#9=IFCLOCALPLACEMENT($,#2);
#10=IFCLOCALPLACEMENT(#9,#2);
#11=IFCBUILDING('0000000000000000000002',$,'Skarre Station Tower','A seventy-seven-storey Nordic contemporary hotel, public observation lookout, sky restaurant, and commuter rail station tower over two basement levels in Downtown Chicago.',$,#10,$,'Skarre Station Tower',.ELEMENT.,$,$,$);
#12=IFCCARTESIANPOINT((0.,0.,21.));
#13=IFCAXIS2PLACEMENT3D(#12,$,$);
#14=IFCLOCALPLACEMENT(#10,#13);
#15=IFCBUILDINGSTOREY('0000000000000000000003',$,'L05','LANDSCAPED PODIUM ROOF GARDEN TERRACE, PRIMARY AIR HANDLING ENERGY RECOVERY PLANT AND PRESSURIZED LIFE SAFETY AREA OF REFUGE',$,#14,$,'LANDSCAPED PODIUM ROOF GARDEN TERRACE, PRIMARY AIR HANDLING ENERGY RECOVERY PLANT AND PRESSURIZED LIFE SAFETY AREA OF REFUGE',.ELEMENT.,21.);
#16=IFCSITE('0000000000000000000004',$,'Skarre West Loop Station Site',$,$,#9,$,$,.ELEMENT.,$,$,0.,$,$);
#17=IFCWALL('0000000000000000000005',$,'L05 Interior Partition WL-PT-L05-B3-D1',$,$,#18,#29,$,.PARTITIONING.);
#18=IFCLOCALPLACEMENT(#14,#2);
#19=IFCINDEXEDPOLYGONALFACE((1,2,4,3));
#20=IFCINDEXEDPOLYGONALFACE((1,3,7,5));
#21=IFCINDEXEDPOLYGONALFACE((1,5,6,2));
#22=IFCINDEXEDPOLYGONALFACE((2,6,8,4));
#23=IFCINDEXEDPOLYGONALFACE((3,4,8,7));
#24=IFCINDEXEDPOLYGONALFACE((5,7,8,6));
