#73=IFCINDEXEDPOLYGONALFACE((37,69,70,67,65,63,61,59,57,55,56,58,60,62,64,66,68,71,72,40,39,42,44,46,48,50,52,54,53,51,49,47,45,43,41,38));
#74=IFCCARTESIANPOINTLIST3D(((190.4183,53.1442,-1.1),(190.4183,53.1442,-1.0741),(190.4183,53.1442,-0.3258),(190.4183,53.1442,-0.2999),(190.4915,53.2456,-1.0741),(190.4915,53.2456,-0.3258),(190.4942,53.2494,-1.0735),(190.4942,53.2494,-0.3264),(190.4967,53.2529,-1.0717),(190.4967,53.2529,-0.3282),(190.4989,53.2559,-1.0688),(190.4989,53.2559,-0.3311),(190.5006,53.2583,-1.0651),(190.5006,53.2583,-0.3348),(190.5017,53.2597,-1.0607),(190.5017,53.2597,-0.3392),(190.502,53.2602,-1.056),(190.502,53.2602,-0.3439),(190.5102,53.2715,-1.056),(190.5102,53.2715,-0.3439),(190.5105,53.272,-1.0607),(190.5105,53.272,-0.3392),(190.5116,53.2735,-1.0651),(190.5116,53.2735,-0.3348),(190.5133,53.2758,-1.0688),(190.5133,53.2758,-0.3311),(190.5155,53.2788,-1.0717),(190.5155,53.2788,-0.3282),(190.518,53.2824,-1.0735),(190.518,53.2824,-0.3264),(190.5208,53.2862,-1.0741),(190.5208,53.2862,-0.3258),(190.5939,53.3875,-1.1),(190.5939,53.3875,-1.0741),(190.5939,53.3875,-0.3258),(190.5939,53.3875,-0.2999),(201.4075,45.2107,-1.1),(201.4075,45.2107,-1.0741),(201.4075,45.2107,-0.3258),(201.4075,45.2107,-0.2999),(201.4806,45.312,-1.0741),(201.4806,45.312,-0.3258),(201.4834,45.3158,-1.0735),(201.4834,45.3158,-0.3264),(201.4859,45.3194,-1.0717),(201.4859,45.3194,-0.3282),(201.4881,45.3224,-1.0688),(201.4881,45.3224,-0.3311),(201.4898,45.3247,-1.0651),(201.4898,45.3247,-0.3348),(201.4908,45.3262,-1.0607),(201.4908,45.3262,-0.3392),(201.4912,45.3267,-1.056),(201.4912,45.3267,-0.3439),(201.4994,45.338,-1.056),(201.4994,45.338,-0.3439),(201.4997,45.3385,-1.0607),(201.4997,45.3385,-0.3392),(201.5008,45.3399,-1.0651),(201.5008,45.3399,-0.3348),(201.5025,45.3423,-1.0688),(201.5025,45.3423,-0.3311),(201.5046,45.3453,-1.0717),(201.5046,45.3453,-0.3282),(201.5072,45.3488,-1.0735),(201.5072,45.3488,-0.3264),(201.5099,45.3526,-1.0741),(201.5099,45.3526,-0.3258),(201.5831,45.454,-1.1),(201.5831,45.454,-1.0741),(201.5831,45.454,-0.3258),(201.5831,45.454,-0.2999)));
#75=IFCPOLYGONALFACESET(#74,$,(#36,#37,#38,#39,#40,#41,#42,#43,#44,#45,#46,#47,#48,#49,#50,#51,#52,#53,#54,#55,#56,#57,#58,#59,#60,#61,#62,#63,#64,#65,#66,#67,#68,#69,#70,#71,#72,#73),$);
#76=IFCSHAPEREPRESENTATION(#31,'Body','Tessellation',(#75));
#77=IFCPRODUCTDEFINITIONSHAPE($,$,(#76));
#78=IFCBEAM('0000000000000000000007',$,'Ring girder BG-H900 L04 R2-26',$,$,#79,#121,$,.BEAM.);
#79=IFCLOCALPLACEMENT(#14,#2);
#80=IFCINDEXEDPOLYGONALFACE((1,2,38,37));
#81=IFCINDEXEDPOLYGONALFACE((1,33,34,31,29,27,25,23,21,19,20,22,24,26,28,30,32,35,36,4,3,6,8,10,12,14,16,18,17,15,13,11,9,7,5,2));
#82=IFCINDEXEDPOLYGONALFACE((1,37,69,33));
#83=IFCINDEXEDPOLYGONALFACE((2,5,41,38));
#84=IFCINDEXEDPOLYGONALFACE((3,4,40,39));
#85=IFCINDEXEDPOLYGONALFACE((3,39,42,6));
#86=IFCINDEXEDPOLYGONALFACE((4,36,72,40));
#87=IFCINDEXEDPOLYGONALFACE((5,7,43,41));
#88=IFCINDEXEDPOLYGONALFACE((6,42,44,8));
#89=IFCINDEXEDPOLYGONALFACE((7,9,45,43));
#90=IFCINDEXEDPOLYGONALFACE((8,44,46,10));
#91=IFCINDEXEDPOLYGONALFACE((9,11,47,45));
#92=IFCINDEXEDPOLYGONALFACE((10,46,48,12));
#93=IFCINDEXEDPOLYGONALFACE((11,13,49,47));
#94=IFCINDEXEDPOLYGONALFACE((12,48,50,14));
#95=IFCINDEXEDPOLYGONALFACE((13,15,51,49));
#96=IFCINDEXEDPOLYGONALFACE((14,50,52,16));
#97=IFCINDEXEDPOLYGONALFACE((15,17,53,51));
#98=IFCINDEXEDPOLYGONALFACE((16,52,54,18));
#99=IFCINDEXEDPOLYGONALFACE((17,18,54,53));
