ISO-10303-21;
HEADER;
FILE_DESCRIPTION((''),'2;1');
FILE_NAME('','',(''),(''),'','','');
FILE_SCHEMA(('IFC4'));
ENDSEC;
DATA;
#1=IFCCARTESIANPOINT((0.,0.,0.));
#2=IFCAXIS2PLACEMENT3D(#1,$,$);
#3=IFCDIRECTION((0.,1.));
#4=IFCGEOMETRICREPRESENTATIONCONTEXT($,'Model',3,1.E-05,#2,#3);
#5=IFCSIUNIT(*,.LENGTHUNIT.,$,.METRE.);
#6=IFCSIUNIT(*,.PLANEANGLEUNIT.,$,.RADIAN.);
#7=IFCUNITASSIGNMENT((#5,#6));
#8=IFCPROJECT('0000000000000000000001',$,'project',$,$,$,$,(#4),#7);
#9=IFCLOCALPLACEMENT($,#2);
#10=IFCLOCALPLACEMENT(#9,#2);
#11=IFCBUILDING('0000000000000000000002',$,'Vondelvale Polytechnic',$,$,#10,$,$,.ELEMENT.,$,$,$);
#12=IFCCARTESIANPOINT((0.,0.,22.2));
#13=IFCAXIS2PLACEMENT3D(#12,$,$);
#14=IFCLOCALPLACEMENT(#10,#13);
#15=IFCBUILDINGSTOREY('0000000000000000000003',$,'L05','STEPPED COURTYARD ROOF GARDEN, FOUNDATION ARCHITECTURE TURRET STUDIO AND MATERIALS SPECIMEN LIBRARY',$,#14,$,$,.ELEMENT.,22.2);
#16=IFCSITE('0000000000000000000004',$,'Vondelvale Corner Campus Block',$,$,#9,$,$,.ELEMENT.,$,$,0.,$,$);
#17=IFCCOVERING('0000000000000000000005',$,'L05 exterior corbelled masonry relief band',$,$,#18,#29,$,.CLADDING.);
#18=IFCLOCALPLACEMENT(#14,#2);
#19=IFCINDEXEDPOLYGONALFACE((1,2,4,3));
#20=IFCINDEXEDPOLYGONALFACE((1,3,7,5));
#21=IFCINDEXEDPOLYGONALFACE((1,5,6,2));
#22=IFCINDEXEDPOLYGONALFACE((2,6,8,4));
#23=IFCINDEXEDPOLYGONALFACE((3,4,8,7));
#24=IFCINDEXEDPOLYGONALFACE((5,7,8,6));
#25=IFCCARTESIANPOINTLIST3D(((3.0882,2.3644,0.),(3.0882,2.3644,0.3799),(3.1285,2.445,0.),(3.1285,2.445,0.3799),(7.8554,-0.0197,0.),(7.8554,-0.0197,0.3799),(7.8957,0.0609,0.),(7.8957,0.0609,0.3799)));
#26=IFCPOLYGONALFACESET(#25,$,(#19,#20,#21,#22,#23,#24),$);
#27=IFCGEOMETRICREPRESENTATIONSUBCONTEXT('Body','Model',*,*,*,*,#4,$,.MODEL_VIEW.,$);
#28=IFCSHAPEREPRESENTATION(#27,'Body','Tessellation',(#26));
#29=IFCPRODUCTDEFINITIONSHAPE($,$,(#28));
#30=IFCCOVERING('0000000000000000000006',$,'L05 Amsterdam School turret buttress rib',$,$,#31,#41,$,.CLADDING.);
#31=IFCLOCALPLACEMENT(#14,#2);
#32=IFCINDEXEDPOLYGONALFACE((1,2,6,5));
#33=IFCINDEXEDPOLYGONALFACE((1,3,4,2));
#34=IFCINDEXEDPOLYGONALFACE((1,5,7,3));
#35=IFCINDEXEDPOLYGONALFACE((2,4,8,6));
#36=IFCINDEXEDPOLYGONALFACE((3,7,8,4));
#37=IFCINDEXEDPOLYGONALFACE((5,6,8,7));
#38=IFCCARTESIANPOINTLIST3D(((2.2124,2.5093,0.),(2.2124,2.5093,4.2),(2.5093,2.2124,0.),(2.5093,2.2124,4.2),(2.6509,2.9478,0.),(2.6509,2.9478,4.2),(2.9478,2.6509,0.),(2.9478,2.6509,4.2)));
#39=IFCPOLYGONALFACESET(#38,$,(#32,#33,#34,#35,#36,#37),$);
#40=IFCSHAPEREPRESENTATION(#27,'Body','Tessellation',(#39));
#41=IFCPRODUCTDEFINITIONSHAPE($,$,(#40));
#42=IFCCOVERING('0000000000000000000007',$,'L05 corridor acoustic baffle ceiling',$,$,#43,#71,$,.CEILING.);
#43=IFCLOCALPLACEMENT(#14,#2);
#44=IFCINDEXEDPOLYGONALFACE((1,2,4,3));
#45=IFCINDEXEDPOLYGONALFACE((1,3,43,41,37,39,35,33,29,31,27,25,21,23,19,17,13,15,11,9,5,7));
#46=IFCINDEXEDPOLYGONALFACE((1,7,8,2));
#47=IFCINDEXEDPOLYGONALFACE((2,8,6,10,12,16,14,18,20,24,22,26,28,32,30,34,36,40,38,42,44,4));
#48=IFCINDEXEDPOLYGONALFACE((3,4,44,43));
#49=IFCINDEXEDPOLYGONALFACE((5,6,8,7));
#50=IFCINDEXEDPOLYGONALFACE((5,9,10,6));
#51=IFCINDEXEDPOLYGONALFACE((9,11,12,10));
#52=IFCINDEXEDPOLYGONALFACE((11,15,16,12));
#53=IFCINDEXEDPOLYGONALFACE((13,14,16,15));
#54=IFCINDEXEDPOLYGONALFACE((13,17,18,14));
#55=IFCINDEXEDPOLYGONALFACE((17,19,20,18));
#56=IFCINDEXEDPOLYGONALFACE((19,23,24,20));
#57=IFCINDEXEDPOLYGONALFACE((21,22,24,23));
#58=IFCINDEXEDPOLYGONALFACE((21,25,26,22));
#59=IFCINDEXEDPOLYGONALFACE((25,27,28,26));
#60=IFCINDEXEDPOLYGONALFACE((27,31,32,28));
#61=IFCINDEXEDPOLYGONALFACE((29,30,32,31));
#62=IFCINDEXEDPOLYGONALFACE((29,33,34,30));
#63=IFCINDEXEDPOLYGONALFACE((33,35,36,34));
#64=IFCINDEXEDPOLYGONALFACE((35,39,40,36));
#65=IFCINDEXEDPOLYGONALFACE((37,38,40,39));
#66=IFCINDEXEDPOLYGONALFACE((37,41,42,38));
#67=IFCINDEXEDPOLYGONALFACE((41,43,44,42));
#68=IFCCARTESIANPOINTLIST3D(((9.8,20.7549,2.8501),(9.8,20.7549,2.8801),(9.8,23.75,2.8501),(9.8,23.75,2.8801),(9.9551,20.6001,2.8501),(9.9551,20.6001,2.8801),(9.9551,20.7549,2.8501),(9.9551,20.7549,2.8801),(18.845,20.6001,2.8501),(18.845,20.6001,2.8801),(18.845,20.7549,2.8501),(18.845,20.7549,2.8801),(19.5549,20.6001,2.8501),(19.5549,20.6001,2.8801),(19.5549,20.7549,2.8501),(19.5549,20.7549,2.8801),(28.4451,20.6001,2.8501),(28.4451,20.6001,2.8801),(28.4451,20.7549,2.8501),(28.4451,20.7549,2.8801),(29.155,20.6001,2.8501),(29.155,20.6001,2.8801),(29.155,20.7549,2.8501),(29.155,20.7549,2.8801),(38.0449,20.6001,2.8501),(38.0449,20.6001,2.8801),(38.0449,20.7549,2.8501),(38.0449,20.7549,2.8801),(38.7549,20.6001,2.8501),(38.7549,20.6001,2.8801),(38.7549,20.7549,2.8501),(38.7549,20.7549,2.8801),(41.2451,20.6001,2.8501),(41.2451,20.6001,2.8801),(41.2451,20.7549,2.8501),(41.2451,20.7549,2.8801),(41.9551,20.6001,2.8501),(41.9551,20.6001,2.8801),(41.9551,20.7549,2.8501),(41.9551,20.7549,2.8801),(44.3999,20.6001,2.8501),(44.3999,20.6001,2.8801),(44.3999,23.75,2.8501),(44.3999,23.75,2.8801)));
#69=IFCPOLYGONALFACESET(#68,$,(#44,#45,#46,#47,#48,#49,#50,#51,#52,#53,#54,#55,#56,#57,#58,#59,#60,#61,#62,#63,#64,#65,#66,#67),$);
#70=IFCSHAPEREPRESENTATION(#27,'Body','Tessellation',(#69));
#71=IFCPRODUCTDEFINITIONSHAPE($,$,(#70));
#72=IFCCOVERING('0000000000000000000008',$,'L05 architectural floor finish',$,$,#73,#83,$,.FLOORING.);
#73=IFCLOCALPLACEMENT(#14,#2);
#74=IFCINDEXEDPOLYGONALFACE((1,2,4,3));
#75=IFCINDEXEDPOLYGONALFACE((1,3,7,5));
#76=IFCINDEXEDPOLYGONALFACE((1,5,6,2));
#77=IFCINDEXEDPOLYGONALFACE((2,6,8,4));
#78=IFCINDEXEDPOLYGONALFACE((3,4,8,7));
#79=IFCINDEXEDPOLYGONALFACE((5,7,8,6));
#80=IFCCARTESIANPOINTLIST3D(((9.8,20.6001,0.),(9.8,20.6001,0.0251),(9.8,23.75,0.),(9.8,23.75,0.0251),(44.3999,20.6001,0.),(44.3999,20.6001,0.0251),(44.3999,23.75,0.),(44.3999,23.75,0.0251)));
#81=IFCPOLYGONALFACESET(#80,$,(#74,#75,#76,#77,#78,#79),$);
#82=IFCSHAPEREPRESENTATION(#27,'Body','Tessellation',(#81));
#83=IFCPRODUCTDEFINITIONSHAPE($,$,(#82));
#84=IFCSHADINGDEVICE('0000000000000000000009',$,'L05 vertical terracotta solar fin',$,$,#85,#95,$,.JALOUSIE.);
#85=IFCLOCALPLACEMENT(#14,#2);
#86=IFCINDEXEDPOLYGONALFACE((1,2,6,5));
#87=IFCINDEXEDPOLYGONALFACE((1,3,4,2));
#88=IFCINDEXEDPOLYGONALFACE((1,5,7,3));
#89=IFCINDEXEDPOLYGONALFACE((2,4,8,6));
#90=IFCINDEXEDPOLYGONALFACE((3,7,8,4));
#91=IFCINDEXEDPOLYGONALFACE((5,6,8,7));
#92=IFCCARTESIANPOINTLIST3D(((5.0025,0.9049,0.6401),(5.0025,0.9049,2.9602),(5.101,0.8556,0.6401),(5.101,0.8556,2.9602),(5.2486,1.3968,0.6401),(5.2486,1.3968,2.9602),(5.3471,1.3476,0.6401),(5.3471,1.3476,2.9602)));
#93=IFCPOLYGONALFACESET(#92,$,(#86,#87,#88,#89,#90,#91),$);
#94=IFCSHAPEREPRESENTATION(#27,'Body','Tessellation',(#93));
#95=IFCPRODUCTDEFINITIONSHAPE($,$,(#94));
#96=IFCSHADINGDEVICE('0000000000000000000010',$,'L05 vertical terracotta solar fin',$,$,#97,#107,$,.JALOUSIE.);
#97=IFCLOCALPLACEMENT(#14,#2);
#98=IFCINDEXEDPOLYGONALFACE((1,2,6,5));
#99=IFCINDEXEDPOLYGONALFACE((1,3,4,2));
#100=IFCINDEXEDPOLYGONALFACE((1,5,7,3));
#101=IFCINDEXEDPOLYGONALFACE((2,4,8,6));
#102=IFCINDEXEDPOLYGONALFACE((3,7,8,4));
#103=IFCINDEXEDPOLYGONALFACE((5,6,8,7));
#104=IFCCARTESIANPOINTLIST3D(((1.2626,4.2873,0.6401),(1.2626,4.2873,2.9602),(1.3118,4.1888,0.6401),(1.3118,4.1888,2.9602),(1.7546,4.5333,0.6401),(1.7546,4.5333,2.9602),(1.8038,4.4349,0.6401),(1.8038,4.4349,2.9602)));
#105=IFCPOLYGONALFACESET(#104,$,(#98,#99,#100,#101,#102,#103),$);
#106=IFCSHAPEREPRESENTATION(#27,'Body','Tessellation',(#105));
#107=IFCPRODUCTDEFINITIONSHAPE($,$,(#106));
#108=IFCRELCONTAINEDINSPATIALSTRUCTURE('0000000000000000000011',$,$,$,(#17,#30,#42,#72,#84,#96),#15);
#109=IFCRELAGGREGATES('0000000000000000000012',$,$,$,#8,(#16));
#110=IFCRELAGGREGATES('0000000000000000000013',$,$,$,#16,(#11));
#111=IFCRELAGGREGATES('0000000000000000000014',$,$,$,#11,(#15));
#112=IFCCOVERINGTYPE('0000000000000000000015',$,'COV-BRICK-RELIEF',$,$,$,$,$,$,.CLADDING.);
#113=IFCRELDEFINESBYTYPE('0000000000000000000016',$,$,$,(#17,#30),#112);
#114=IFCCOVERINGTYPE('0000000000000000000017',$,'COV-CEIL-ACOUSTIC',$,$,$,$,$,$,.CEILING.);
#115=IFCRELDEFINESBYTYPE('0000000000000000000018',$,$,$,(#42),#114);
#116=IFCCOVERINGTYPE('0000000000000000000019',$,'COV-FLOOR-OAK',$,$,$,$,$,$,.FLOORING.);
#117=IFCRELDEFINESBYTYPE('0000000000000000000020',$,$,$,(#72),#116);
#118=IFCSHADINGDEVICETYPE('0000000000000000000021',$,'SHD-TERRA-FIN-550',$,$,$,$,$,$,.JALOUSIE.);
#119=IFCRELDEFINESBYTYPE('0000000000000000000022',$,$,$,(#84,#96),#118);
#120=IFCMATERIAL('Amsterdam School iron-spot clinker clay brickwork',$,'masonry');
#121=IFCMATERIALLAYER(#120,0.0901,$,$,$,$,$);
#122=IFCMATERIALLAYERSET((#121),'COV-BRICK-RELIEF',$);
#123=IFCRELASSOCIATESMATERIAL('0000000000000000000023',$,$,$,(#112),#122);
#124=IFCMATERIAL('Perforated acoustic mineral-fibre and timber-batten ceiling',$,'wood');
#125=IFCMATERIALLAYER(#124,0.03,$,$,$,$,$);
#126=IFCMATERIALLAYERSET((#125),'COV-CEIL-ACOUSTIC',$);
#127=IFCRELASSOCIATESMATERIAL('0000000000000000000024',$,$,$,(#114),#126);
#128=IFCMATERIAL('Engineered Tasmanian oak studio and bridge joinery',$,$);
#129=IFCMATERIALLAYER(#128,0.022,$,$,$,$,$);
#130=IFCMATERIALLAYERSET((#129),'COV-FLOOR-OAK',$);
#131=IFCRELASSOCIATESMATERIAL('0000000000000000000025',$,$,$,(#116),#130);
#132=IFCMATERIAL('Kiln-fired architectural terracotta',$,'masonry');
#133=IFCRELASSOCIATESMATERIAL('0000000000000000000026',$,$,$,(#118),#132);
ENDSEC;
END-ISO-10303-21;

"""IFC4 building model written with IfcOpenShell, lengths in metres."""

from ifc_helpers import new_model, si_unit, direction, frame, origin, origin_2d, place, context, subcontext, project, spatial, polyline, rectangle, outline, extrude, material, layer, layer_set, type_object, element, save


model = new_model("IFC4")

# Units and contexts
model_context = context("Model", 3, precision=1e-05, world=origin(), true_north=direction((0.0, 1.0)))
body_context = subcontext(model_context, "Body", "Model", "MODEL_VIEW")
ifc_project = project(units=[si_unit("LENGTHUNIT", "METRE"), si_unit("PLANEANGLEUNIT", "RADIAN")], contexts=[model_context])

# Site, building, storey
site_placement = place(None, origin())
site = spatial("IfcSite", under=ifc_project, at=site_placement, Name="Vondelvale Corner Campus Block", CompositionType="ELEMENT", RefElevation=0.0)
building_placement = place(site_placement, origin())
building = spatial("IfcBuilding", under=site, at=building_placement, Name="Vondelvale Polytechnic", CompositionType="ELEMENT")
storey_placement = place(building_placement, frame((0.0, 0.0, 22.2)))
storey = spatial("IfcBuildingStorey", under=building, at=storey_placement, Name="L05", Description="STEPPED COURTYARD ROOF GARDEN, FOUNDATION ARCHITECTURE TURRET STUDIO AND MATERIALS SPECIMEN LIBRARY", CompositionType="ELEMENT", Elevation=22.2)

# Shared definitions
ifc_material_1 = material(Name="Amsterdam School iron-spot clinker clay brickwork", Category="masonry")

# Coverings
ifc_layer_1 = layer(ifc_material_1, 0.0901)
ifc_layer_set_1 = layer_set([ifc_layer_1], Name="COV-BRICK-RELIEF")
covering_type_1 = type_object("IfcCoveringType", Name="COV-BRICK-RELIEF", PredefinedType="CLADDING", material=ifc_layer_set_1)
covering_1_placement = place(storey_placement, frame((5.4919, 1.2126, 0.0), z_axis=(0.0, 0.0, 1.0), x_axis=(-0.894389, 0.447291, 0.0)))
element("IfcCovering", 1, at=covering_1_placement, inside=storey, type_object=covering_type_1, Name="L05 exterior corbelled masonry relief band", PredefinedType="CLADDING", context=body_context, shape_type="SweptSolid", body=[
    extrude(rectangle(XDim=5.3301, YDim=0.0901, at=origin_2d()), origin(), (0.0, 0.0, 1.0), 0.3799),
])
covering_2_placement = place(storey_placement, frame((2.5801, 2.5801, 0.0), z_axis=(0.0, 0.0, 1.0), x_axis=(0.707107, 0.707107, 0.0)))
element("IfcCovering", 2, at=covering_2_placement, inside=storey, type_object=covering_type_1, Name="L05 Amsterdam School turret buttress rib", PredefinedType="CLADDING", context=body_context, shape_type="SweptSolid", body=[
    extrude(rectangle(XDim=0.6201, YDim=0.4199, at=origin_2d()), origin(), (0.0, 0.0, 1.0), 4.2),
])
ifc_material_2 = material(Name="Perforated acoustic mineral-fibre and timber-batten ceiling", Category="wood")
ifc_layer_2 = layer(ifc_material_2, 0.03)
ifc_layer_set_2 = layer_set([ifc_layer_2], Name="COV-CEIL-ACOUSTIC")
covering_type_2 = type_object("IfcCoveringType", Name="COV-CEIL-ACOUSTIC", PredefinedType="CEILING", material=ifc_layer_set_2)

__About this task__.
In the listing above, locate the line containing "#81=IFCPOLYGONALFACESET(#80,$,(#74,#75,#76,#77,#78,#79),$);" and the line containing "#95=IFCPRODUCTDEFINITIONSHAPE($,$,(#94));". Extract those two lines and every line between them, exactly as written, and only those.

__Exercise response__.
#81=IFCPOLYGONALFACESET(#80,$,(#74,#75,#76,#77,#78,#79),$);
#82=IFCSHAPEREPRESENTATION(#27,'Body','Tessellation',(#81));
#83=IFCPRODUCTDEFINITIONSHAPE($,$,(#82));
#84=IFCSHADINGDEVICE('0000000000000000000009',$,'L05 vertical terracotta solar fin',$,$,#85,#95,$,.JALOUSIE.);
#85=IFCLOCALPLACEMENT(#14,#2);
#86=IFCINDEXEDPOLYGONALFACE((1,2,6,5));
#87=IFCINDEXEDPOLYGONALFACE((1,3,4,2));
#88=IFCINDEXEDPOLYGONALFACE((1,5,7,3));
#89=IFCINDEXEDPOLYGONALFACE((2,4,8,6));
#90=IFCINDEXEDPOLYGONALFACE((3,7,8,4));
#91=IFCINDEXEDPOLYGONALFACE((5,6,8,7));
#92=IFCCARTESIANPOINTLIST3D(((5.0025,0.9049,0.6401),(5.0025,0.9049,2.9602),(5.101,0.8556,0.6401),(5.101,0.8556,2.9602),(5.2486,1.3968,0.6401),(5.2486,1.3968,2.9602),(5.3471,1.3476,0.6401),(5.3471,1.3476,2.9602)));
#93=IFCPOLYGONALFACESET(#92,$,(#86,#87,#88,#89,#90,#91),$);
#94=IFCSHAPEREPRESENTATION(#27,'Body','Tessellation',(#93));
#95=IFCPRODUCTDEFINITIONSHAPE($,$,(#94));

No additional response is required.